* _Extracted records_

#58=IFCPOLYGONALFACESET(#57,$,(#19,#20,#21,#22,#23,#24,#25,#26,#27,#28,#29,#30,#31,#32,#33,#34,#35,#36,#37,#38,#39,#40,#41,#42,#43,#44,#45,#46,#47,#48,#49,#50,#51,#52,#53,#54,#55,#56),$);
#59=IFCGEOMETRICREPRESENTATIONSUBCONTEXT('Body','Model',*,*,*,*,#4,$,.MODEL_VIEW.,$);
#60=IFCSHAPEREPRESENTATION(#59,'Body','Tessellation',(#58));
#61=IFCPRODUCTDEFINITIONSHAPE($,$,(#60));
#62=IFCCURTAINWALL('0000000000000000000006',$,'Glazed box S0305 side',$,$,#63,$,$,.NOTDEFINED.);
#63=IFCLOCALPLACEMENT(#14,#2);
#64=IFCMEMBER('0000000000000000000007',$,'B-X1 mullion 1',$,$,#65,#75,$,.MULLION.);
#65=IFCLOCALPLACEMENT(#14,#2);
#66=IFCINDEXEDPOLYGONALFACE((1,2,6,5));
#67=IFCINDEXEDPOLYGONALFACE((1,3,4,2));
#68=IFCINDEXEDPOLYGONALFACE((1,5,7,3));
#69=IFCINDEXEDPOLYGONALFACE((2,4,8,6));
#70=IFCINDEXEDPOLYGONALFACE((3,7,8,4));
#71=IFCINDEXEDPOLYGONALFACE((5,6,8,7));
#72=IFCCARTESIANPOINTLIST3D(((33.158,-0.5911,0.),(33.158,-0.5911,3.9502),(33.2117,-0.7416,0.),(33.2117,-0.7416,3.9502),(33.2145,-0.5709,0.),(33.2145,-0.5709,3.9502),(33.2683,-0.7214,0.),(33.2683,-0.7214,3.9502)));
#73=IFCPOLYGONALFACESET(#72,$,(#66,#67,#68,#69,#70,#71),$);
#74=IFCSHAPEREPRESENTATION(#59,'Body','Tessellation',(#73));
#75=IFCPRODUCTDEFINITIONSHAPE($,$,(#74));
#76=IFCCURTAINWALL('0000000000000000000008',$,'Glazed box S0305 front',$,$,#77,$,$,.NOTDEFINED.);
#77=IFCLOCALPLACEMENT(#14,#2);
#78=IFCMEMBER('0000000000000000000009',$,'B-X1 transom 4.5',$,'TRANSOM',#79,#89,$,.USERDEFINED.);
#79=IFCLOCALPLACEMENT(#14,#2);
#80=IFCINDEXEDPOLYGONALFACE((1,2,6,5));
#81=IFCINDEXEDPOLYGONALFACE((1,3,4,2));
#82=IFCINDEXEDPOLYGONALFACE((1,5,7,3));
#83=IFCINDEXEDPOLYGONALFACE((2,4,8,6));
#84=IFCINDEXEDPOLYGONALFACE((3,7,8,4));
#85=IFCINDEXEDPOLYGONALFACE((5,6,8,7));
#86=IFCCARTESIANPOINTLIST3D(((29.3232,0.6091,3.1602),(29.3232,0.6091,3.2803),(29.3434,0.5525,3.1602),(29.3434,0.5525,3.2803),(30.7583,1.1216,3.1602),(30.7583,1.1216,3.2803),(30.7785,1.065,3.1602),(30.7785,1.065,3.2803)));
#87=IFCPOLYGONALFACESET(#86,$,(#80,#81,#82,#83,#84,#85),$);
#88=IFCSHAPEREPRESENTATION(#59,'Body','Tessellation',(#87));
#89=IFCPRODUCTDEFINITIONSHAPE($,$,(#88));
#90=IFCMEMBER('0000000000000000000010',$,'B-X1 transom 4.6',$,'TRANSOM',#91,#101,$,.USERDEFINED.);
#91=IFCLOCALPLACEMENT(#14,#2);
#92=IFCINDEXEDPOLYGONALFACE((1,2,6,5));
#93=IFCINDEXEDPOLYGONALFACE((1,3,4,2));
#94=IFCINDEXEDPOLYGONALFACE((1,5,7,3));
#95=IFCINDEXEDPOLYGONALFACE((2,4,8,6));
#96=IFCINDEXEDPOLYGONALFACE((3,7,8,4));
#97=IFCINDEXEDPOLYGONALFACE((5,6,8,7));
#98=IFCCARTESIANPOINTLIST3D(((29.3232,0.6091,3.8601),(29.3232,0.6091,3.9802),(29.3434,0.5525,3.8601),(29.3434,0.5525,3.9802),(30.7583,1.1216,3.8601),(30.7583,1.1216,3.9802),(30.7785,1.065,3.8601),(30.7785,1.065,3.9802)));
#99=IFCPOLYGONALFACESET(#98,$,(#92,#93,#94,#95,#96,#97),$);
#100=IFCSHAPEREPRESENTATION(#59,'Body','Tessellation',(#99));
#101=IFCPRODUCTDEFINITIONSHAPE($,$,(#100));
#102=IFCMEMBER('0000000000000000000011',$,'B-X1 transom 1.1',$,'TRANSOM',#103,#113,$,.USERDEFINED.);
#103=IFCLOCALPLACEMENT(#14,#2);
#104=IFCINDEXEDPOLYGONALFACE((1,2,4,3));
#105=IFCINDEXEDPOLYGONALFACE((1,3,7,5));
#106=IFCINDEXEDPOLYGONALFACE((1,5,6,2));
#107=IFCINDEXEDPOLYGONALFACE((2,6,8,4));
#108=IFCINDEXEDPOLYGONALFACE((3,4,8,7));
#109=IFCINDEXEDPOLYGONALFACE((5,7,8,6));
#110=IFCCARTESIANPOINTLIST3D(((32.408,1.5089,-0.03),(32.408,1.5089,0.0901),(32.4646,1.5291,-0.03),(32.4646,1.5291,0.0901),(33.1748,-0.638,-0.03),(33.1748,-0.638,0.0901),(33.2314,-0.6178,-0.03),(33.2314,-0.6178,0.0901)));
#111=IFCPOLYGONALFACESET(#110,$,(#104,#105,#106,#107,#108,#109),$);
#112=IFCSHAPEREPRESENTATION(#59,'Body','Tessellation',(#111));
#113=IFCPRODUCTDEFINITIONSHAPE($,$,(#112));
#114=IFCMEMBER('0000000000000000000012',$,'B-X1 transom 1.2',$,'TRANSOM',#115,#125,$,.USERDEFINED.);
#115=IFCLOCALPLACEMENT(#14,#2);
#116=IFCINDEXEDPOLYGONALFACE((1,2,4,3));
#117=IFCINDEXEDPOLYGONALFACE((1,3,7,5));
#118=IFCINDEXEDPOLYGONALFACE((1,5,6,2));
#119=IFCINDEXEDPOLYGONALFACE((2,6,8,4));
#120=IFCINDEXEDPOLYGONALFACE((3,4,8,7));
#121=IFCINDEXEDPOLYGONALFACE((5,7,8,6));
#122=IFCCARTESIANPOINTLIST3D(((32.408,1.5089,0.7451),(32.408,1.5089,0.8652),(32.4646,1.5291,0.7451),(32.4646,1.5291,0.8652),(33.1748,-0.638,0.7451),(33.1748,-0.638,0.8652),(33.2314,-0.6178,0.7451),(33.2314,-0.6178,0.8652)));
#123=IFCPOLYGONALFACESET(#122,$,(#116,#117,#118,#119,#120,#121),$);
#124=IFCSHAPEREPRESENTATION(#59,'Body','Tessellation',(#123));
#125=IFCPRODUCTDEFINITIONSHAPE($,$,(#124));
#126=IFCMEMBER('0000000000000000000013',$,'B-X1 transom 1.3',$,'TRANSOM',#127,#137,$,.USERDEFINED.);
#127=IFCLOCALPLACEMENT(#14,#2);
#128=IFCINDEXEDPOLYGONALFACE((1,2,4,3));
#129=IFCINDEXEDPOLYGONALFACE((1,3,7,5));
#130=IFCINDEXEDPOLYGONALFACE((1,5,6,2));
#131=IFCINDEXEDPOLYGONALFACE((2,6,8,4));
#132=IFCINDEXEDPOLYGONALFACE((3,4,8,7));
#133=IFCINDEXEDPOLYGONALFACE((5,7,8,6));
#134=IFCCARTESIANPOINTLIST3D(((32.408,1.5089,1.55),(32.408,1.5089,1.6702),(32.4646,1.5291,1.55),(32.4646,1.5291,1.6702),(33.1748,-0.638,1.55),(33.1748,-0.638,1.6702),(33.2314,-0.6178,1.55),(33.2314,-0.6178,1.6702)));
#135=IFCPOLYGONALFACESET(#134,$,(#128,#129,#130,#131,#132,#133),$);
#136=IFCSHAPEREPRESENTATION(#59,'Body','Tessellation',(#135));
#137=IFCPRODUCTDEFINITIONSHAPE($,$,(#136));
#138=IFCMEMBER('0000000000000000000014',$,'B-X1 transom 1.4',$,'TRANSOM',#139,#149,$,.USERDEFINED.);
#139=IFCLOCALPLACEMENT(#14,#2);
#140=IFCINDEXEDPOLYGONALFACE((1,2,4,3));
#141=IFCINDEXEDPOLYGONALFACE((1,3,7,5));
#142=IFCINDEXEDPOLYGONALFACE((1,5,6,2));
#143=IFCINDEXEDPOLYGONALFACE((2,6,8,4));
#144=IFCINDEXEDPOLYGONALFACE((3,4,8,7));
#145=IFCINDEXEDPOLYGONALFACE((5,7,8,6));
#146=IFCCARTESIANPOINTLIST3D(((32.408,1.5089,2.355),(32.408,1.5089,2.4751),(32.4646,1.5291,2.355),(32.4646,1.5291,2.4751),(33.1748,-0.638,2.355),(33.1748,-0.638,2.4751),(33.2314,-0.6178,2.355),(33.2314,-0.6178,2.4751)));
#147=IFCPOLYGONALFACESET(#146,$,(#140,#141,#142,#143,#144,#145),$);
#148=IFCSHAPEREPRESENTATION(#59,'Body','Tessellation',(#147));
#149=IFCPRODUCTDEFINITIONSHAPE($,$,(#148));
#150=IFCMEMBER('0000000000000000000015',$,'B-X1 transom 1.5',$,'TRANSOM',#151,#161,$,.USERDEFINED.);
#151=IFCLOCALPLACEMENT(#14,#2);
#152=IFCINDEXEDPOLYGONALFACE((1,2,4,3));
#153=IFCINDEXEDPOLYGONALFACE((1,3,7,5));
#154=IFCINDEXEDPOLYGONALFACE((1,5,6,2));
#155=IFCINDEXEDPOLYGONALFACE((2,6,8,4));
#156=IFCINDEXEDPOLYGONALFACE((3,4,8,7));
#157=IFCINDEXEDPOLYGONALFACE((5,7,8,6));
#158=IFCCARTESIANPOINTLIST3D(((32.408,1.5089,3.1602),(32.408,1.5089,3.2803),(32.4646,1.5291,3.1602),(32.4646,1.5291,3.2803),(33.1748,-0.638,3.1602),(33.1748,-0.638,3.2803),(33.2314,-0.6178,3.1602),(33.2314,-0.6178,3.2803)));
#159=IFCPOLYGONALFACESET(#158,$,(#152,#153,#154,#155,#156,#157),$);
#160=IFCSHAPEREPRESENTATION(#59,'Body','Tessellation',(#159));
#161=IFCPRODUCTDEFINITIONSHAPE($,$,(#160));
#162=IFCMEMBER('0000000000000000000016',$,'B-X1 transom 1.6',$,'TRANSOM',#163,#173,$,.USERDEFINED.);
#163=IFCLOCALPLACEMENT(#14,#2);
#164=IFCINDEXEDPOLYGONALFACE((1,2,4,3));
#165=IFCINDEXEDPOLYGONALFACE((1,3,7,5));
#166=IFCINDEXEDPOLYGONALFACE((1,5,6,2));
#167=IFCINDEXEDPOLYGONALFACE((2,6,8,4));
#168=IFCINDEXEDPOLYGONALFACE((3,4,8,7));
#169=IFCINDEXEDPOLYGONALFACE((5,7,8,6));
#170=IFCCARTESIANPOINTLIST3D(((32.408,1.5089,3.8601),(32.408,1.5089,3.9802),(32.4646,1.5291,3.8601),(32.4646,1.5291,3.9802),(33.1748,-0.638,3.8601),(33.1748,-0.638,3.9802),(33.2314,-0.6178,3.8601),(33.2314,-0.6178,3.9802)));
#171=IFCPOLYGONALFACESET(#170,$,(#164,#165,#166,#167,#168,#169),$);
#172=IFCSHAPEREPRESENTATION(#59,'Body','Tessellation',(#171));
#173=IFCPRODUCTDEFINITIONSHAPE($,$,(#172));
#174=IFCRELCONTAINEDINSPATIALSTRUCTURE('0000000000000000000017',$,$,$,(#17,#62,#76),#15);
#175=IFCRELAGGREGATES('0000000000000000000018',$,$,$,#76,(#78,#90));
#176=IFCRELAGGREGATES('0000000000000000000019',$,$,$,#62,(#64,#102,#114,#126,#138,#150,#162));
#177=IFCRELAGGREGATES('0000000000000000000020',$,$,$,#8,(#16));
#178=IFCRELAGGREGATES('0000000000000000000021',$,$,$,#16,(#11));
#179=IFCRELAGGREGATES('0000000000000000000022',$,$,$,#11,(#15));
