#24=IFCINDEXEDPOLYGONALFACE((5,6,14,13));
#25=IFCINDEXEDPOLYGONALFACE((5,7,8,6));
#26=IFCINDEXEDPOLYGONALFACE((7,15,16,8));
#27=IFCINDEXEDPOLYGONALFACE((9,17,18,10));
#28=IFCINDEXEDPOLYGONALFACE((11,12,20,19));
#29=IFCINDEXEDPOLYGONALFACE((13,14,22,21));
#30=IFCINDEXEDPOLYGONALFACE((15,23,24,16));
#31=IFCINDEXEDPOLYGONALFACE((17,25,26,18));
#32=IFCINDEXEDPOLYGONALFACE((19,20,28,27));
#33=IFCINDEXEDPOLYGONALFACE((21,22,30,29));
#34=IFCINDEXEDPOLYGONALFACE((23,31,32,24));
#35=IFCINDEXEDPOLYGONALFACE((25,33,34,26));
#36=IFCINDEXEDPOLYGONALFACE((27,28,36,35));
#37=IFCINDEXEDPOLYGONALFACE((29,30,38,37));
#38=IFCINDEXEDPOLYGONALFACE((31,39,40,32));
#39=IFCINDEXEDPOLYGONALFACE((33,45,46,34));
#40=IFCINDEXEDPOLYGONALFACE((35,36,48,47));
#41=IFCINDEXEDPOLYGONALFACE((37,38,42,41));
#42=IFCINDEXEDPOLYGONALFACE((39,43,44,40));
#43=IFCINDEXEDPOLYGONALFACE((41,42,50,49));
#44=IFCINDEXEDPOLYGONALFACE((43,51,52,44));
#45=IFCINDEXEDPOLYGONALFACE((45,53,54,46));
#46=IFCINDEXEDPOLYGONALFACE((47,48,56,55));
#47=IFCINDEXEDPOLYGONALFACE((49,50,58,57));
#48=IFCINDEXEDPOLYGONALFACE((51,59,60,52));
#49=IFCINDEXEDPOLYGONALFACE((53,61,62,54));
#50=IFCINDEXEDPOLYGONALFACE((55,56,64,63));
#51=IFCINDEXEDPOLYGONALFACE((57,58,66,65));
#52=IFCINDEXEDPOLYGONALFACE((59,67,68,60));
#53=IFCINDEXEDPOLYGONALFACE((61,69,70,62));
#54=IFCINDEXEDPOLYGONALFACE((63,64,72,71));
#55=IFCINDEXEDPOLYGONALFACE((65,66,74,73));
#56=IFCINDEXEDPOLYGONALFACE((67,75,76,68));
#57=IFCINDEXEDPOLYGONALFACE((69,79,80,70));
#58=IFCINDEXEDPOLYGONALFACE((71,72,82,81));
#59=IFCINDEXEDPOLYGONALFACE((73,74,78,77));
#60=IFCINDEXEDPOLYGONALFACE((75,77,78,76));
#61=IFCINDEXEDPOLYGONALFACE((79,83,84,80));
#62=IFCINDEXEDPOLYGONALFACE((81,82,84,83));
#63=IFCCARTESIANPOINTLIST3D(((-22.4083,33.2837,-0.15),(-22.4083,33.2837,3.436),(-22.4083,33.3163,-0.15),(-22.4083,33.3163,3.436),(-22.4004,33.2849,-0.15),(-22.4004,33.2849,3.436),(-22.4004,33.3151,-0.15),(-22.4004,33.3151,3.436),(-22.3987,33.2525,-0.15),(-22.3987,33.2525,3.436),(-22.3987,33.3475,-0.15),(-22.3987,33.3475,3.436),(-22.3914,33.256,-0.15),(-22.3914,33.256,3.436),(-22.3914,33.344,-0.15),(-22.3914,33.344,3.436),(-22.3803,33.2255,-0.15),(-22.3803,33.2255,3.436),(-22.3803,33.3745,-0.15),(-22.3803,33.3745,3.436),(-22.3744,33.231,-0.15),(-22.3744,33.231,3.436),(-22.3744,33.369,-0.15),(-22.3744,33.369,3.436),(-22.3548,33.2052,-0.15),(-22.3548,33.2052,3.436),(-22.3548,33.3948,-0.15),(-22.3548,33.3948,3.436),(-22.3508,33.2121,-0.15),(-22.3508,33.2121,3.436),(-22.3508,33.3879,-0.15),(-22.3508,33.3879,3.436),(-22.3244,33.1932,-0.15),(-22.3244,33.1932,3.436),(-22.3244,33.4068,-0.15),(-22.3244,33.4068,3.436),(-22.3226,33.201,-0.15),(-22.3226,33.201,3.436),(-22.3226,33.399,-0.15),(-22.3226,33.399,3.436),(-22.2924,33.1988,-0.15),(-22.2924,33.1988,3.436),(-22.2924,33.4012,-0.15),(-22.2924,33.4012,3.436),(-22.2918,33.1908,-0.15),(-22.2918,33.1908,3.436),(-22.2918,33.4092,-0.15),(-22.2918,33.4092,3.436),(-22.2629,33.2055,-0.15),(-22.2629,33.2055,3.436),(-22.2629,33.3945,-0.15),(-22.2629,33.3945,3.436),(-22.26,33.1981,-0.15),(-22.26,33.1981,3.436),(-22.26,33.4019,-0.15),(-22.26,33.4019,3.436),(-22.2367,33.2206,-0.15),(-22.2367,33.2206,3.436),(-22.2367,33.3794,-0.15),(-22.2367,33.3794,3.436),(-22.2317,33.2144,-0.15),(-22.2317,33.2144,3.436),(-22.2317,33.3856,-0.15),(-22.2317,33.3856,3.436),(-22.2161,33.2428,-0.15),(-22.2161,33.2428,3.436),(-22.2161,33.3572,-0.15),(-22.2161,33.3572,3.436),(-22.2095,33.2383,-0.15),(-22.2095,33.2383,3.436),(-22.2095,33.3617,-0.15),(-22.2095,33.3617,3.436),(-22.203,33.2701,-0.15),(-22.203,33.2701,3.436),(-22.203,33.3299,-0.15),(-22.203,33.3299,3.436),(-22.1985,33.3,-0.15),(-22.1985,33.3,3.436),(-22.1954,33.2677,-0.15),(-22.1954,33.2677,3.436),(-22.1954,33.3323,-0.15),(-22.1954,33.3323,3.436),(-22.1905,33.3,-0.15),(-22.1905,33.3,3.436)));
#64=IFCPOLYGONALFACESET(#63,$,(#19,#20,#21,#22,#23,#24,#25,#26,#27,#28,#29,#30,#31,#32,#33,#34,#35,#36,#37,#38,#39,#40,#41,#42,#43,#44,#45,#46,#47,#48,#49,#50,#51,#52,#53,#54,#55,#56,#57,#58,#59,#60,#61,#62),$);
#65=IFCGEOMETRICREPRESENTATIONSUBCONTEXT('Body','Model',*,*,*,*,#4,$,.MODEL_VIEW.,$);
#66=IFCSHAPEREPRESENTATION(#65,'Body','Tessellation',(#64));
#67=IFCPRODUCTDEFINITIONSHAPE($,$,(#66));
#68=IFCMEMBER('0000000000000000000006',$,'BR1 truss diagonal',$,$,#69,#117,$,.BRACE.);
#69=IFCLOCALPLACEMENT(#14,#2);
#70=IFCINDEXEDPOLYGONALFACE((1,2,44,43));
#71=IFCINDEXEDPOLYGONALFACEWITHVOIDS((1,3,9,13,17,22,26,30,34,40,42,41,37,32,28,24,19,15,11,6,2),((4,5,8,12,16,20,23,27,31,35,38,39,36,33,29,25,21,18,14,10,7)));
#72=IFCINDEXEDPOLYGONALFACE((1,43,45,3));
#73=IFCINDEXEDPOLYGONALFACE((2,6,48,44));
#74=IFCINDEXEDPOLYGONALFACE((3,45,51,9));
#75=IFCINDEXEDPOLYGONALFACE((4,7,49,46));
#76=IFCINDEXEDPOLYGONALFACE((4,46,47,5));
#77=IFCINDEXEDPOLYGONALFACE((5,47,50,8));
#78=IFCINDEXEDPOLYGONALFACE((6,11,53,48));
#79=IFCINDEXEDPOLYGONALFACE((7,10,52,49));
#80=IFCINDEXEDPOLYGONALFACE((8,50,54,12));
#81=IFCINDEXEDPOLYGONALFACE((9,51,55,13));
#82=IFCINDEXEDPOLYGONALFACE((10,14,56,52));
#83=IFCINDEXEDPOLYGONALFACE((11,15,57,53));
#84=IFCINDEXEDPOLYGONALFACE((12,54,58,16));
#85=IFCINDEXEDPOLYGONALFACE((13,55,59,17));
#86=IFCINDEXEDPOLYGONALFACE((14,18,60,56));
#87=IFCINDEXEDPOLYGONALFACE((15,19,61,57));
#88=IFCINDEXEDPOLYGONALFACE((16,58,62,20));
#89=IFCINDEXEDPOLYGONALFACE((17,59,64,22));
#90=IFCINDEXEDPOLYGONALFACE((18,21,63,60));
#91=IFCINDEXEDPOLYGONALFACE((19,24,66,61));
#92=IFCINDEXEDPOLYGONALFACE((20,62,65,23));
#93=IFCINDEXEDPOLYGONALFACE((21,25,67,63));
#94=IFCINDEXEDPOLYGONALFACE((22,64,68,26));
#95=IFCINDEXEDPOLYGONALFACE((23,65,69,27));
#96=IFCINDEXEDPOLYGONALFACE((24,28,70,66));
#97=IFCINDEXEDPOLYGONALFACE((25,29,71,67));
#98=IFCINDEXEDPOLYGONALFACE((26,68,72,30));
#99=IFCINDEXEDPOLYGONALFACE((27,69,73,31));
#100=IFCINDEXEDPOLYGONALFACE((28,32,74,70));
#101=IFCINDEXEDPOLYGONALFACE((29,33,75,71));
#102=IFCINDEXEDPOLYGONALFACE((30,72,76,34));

* _Your instructions_
Out of the data above, set down the lines from the one with "#71=IFCINDEXEDPOLYGONALFACE((5,6,8,7));" to the one with "#89=IFCPRODUCTDEFINITIONSHAPE($,$,(#88));", both included, exactly as written and with no additions.

* _Solution to the exercise_
#71=IFCINDEXEDPOLYGONALFACE((5,6,8,7));
#72=IFCCARTESIANPOINTLIST3D(((33.158,-0.5911,0.),(33.158,-0.5911,3.9502),(33.2117,-0.7416,0.),(33.2117,-0.7416,3.9502),(33.2145,-0.5709,0.),(33.2145,-0.5709,3.9502),(33.2683,-0.7214,0.),(33.2683,-0.7214,3.9502)));
#73=IFCPOLYGONALFACESET(#72,$,(#66,#67,#68,#69,#70,#71),$);
#74=IFCSHAPEREPRESENTATION(#59,'Body','Tessellation',(#73));
#75=IFCPRODUCTDEFINITIONSHAPE($,$,(#74));
#76=IFCCURTAINWALL('0000000000000000000008',$,'Glazed box S0305 front',$,$,#77,$,$,.NOTDEFINED.);
#77=IFCLOCALPLACEMENT(#14,#2);
#78=IFCMEMBER('0000000000000000000009',$,'B-X1 transom 4.5',$,'TRANSOM',#79,#89,$,.USERDEFINED.);
#79=IFCLOCALPLACEMENT(#14,#2);
#80=IFCINDEXEDPOLYGONALFACE((1,2,6,5));
#81=IFCINDEXEDPOLYGONALFACE((1,3,4,2));
#82=IFCINDEXEDPOLYGONALFACE((1,5,7,3));
#83=IFCINDEXEDPOLYGONALFACE((2,4,8,6));
#84=IFCINDEXEDPOLYGONALFACE((3,7,8,4));
#85=IFCINDEXEDPOLYGONALFACE((5,6,8,7));
#86=IFCCARTESIANPOINTLIST3D(((29.3232,0.6091,3.1602),(29.3232,0.6091,3.2803),(29.3434,0.5525,3.1602),(29.3434,0.5525,3.2803),(30.7583,1.1216,3.1602),(30.7583,1.1216,3.2803),(30.7785,1.065,3.1602),(30.7785,1.065,3.2803)));
#87=IFCPOLYGONALFACESET(#86,$,(#80,#81,#82,#83,#84,#85),$);
#88=IFCSHAPEREPRESENTATION(#59,'Body','Tessellation',(#87));
#89=IFCPRODUCTDEFINITIONSHAPE($,$,(#88));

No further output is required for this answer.